▶ TASK REQUIREMENTS
Copy out each line of the entries below in which the string "where" appears.

--- START ---

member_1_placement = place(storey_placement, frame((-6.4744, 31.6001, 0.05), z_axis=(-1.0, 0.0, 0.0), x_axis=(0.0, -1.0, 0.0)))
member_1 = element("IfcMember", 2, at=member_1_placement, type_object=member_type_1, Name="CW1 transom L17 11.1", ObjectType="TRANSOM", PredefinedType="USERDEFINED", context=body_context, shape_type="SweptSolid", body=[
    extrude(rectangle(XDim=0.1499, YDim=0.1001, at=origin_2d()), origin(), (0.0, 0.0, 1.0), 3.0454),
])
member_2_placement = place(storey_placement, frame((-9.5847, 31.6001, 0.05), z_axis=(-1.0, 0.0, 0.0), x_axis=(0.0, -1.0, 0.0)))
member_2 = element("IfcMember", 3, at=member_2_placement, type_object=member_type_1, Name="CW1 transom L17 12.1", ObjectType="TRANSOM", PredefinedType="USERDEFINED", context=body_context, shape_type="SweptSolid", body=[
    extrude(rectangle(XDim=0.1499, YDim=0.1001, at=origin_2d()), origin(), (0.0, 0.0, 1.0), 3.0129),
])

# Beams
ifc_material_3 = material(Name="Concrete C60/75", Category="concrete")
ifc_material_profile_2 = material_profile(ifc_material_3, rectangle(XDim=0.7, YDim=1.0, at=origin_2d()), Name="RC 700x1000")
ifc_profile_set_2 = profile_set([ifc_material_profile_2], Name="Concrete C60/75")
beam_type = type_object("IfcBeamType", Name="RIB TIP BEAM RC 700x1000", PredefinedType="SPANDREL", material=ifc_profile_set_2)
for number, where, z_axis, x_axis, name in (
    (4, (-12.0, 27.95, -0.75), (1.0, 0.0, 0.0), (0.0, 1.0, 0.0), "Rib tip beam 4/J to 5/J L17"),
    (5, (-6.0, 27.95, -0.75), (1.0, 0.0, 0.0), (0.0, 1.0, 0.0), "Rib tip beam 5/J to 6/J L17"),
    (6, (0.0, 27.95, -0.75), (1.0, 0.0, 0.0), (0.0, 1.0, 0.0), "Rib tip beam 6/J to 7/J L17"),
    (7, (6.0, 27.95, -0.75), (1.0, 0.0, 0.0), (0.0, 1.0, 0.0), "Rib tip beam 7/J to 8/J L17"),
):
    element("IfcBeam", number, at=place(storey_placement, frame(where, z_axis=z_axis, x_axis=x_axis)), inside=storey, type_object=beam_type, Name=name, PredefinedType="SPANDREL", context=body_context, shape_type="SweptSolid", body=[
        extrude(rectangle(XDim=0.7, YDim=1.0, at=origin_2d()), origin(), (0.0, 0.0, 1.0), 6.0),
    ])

--- END ---
--- START ---

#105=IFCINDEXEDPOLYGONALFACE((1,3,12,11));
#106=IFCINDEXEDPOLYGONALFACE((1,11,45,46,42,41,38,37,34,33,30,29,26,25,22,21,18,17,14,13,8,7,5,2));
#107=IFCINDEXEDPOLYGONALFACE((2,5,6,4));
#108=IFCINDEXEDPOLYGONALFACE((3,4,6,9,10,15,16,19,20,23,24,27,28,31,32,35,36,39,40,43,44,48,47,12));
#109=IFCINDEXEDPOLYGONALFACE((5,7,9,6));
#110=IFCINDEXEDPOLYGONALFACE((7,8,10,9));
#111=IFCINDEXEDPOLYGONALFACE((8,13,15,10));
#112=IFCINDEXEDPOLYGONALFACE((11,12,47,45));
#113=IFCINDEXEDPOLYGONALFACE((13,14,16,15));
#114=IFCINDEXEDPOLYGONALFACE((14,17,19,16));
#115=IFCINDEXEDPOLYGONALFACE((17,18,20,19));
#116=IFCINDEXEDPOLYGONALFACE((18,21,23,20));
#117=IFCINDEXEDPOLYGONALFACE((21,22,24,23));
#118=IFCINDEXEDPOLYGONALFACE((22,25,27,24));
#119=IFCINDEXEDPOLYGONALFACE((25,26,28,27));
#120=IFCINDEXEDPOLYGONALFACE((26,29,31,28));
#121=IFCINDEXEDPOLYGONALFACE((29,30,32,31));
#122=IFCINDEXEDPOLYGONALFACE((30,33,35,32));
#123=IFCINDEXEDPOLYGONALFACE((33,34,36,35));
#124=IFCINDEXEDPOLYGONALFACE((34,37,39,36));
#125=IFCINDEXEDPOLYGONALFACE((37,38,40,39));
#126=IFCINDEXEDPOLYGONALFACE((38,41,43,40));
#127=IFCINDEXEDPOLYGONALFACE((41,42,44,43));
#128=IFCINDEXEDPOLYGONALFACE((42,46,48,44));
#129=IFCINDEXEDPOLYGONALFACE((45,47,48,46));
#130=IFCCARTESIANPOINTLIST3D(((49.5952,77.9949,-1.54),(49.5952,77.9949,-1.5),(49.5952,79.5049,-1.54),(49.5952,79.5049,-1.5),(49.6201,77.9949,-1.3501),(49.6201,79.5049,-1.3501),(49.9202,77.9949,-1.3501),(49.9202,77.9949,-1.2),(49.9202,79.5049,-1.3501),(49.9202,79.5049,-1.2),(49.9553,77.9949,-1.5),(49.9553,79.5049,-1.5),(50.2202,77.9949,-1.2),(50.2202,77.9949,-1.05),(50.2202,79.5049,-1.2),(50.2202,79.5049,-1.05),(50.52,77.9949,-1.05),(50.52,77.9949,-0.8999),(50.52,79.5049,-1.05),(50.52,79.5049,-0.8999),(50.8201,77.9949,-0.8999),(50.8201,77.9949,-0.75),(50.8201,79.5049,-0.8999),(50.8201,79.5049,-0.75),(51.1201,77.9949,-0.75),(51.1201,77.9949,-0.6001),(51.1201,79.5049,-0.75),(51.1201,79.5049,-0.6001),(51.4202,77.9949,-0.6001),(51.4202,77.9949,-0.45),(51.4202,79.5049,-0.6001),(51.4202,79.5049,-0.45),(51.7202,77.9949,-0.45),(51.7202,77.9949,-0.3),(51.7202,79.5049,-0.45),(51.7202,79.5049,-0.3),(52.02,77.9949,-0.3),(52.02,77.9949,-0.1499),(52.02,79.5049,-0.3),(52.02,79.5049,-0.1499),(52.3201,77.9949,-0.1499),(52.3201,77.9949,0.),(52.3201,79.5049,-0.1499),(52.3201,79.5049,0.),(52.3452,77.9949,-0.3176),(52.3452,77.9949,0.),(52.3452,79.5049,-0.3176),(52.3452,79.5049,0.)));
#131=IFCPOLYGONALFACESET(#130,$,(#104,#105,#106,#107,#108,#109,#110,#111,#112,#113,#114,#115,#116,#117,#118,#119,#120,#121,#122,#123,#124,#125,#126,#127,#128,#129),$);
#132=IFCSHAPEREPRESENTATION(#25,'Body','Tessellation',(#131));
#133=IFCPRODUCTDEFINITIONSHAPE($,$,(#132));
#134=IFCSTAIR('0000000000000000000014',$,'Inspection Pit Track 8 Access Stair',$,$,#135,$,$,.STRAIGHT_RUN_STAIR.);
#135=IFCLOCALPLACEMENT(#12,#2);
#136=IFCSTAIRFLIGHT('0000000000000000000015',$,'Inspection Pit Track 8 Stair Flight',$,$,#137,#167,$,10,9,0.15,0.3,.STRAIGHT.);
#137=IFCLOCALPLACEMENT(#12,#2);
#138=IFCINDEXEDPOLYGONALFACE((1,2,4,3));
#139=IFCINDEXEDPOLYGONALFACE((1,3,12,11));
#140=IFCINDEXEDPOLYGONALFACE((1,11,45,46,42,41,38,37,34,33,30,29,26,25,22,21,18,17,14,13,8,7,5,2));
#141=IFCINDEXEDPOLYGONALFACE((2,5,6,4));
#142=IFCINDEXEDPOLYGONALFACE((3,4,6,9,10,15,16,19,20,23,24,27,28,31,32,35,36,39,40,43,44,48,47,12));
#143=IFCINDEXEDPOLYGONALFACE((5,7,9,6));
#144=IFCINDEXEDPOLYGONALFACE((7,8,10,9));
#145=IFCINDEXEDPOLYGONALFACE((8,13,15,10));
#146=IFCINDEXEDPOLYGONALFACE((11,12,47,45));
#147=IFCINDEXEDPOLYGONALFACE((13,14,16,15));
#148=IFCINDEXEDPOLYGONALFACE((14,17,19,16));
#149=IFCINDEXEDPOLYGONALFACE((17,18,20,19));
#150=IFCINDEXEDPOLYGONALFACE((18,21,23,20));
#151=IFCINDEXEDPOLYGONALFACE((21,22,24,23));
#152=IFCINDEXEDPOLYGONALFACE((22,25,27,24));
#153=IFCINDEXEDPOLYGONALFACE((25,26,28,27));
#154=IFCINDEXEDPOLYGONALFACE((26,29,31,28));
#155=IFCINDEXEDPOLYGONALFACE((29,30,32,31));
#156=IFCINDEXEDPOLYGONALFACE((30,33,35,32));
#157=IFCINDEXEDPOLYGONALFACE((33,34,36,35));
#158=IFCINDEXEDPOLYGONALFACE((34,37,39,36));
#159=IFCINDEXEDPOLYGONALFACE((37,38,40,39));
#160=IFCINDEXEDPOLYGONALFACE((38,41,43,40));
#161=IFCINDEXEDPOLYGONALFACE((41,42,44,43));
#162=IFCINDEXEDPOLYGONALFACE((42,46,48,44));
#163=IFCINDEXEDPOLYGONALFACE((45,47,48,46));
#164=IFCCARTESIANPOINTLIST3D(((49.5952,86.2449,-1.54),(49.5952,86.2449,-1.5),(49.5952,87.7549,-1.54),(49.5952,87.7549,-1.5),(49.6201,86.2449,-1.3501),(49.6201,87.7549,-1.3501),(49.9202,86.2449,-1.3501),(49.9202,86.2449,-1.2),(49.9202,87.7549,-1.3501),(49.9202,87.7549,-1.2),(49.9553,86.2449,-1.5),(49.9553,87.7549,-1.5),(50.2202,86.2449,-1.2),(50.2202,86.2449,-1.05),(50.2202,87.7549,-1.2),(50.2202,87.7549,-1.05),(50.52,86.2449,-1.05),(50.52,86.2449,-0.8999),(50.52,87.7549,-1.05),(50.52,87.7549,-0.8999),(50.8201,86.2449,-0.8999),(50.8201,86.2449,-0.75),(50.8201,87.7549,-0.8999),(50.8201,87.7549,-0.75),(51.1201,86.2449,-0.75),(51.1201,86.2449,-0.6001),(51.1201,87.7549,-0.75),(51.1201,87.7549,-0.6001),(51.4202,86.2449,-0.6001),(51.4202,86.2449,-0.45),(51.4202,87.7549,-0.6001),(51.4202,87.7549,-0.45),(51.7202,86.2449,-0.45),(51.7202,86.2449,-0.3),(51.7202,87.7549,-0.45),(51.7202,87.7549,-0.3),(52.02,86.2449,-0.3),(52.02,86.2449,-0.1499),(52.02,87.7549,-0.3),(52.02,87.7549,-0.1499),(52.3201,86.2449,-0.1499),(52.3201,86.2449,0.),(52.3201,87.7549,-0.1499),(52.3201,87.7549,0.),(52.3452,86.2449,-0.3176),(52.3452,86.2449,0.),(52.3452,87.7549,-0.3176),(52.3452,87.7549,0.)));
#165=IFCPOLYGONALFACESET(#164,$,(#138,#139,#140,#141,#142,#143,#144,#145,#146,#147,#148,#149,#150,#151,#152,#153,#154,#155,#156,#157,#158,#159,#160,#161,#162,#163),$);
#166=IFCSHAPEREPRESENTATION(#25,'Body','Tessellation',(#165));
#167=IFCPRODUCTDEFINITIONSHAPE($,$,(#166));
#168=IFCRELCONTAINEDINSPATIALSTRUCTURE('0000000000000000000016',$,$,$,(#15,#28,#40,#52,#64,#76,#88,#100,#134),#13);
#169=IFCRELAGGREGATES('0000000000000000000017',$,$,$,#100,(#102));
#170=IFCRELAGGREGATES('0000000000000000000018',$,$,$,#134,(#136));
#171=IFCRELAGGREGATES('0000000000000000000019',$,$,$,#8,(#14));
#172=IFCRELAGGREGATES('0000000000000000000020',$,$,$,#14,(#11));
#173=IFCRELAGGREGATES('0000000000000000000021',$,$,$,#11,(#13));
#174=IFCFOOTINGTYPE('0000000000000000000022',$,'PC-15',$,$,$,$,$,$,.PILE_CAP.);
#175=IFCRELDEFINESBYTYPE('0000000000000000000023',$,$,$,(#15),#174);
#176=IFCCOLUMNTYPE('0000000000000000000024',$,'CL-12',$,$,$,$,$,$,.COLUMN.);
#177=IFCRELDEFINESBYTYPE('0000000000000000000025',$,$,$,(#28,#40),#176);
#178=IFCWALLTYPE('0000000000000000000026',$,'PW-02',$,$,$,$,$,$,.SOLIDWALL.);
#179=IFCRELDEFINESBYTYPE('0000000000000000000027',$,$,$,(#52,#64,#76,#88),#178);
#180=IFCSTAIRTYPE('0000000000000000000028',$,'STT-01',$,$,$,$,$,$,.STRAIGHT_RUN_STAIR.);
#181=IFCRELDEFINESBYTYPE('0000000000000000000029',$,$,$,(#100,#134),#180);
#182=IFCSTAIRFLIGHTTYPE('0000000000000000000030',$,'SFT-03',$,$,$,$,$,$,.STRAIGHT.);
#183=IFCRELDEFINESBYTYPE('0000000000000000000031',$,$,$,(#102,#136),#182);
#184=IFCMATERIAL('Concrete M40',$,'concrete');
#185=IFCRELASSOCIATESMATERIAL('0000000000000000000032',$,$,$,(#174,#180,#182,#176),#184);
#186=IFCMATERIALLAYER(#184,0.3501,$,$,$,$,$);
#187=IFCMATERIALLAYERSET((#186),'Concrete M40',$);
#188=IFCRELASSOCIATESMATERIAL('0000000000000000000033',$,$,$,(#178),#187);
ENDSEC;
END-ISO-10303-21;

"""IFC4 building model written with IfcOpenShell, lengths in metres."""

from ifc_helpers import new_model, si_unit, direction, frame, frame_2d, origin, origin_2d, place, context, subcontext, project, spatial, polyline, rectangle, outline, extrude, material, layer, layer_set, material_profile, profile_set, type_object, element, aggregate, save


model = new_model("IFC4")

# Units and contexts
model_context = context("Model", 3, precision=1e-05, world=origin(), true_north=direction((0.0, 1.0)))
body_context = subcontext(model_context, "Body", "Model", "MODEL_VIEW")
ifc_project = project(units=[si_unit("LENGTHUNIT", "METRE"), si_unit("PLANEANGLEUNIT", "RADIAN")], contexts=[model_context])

--- END ---

▶ WRITTEN SOLUTION
for number, where, z_axis, x_axis, name in (
    element("IfcBeam", number, at=place(storey_placement, frame(where, z_axis=z_axis, x_axis=x_axis)), inside=storey, type_object=beam_type, Name=name, PredefinedType="SPANDREL", context=body_context, shape_type="SweptSolid", body=[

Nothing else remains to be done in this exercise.